ABOUT THIS EXERCISE
Going line by line through the records below, count those containing the word "IFCRELDEFINESBYTYPE", then give only the count.

DATA FOR THE TASK
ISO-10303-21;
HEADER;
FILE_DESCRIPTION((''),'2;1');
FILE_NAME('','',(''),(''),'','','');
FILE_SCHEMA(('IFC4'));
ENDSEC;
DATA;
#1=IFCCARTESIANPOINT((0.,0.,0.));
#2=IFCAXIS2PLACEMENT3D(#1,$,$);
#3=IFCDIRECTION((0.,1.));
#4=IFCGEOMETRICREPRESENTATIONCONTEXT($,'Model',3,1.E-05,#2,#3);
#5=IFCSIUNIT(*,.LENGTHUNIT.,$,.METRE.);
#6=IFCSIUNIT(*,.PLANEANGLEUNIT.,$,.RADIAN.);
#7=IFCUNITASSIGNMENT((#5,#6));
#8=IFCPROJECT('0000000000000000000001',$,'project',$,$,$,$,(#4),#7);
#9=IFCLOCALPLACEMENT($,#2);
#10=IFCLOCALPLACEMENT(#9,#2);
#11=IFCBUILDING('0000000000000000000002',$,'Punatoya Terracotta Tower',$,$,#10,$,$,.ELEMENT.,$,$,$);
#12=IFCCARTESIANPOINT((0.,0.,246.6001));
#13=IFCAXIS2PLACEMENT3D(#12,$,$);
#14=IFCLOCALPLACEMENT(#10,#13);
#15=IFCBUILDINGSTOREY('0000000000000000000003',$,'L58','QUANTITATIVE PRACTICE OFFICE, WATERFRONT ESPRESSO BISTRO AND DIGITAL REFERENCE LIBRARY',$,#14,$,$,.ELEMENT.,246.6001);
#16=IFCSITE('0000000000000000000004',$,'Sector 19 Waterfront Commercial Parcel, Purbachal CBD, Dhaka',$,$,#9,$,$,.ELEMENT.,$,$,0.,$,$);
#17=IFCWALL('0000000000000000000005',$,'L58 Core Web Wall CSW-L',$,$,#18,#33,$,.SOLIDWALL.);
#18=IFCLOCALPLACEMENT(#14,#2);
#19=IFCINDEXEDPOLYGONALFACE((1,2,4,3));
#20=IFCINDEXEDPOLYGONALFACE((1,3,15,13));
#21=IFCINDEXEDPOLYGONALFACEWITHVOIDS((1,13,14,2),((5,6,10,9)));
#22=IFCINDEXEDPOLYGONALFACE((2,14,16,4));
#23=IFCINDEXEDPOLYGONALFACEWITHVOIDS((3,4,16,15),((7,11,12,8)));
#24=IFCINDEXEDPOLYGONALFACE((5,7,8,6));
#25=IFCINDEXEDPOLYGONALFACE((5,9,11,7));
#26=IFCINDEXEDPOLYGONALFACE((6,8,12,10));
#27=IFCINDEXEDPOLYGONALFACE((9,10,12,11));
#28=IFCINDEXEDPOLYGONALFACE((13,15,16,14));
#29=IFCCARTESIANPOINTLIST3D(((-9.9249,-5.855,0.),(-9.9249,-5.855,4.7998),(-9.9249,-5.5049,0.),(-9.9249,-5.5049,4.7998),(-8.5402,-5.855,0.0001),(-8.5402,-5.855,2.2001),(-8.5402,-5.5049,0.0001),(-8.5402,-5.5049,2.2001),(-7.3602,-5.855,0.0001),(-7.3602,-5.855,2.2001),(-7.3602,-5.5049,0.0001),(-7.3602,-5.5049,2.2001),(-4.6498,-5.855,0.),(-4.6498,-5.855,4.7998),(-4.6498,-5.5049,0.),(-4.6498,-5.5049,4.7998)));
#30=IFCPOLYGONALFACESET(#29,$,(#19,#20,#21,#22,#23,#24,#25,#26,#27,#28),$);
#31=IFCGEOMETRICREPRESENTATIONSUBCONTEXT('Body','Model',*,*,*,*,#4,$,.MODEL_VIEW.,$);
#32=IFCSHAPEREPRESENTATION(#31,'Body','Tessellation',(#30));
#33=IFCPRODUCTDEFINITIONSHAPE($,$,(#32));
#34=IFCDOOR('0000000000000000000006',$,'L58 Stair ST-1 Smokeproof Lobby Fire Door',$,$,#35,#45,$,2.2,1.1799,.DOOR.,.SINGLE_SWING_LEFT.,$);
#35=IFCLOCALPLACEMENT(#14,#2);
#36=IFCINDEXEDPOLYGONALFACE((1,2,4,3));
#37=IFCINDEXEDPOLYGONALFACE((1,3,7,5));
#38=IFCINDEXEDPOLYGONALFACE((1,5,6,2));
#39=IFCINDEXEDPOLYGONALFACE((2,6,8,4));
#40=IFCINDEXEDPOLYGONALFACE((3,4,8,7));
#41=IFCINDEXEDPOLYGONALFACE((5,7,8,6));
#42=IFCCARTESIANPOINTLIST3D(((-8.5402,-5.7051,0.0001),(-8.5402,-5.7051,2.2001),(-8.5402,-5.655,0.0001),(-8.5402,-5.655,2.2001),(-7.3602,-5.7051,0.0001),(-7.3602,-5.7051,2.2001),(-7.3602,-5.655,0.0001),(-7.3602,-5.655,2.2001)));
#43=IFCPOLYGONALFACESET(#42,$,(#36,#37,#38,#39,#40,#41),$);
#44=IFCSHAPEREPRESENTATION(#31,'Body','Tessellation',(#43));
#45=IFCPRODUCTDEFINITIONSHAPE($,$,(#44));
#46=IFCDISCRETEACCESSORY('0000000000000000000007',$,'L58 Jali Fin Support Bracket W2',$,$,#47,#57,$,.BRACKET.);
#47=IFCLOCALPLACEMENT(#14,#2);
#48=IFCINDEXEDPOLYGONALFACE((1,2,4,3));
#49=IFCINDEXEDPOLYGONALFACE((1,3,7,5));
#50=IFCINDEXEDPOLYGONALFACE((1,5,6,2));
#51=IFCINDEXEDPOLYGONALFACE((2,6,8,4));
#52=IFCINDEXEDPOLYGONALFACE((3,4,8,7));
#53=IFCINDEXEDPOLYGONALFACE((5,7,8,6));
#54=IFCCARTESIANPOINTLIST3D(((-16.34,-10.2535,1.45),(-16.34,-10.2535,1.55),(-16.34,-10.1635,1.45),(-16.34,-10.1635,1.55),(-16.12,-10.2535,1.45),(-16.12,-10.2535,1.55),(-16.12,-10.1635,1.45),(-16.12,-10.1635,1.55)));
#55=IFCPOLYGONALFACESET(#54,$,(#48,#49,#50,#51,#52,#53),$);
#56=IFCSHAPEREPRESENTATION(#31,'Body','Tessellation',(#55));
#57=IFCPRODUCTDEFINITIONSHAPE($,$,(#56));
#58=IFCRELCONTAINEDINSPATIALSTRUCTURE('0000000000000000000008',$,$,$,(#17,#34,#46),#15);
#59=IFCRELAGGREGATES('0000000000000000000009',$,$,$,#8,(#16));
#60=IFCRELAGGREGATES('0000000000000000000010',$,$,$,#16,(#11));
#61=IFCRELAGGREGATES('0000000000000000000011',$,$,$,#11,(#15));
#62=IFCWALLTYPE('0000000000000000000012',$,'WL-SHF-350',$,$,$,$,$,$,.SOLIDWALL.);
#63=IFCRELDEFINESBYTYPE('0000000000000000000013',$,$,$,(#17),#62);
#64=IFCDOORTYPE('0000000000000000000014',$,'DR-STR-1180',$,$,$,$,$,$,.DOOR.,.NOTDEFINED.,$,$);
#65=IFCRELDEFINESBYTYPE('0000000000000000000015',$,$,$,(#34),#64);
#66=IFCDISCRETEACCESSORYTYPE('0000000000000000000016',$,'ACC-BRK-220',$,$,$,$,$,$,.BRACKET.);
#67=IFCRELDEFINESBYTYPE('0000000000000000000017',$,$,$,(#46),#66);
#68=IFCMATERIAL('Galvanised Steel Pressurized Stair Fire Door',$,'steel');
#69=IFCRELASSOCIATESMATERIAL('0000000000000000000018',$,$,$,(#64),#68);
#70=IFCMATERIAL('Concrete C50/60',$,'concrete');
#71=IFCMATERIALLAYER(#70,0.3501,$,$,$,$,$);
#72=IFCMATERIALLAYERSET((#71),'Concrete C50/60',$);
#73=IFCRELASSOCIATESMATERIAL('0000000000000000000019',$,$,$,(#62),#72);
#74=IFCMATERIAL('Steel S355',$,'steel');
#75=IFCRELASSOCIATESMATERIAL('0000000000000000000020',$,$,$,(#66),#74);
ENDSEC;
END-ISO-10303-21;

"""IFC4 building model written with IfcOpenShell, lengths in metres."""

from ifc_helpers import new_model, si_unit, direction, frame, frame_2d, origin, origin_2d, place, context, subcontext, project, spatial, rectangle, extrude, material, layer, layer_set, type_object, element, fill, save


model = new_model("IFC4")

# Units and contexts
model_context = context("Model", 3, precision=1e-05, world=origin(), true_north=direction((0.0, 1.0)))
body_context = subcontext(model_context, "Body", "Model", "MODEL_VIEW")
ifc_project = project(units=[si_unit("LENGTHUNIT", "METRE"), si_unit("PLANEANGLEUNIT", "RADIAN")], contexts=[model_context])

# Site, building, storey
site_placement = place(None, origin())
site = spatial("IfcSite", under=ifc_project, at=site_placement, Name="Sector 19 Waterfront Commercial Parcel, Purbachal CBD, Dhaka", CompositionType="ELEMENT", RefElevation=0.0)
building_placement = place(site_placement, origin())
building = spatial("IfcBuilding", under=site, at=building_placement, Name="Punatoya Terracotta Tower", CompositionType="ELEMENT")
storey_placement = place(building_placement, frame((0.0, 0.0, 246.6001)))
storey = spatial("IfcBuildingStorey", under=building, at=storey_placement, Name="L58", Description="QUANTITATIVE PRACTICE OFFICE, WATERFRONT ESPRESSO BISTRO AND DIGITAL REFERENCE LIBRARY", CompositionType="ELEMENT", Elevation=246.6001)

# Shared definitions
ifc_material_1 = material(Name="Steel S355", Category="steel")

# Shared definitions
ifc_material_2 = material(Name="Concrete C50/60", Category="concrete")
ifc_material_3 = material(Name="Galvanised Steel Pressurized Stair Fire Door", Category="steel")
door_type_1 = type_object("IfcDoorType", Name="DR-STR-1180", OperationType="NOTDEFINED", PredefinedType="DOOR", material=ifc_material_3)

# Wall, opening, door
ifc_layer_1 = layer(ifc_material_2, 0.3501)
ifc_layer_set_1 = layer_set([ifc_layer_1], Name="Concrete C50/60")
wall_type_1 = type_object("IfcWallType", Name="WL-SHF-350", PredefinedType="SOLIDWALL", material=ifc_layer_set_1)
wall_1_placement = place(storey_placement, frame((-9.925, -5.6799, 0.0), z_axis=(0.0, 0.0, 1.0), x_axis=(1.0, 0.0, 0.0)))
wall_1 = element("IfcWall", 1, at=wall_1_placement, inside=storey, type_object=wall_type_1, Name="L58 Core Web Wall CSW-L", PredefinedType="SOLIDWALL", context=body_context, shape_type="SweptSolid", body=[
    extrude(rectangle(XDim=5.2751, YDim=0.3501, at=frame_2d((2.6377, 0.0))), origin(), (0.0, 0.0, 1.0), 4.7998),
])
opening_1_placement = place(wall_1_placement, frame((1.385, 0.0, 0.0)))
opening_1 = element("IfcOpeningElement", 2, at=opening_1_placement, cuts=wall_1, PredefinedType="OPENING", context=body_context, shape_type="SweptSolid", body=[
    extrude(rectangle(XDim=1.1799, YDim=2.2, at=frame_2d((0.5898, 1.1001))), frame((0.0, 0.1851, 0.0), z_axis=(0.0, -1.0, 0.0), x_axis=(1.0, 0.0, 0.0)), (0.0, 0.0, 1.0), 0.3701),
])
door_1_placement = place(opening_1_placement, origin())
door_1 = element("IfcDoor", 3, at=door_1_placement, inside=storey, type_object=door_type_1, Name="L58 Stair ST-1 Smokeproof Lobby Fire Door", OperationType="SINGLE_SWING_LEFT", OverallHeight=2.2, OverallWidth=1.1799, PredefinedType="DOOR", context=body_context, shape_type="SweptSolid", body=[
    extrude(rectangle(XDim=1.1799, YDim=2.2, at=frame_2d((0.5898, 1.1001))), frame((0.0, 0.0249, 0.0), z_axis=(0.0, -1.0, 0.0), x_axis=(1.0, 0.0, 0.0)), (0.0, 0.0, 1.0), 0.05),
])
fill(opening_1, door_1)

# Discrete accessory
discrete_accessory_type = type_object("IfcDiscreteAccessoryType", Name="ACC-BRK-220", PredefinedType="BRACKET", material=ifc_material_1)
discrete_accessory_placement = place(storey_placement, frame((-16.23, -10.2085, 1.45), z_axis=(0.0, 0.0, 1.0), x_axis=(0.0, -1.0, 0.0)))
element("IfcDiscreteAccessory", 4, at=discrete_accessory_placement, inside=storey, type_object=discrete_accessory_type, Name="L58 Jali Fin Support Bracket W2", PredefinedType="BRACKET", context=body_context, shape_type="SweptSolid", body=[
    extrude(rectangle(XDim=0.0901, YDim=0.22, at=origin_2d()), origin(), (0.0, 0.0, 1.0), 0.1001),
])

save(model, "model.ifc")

SOLUTION TO THE PROBLEM
3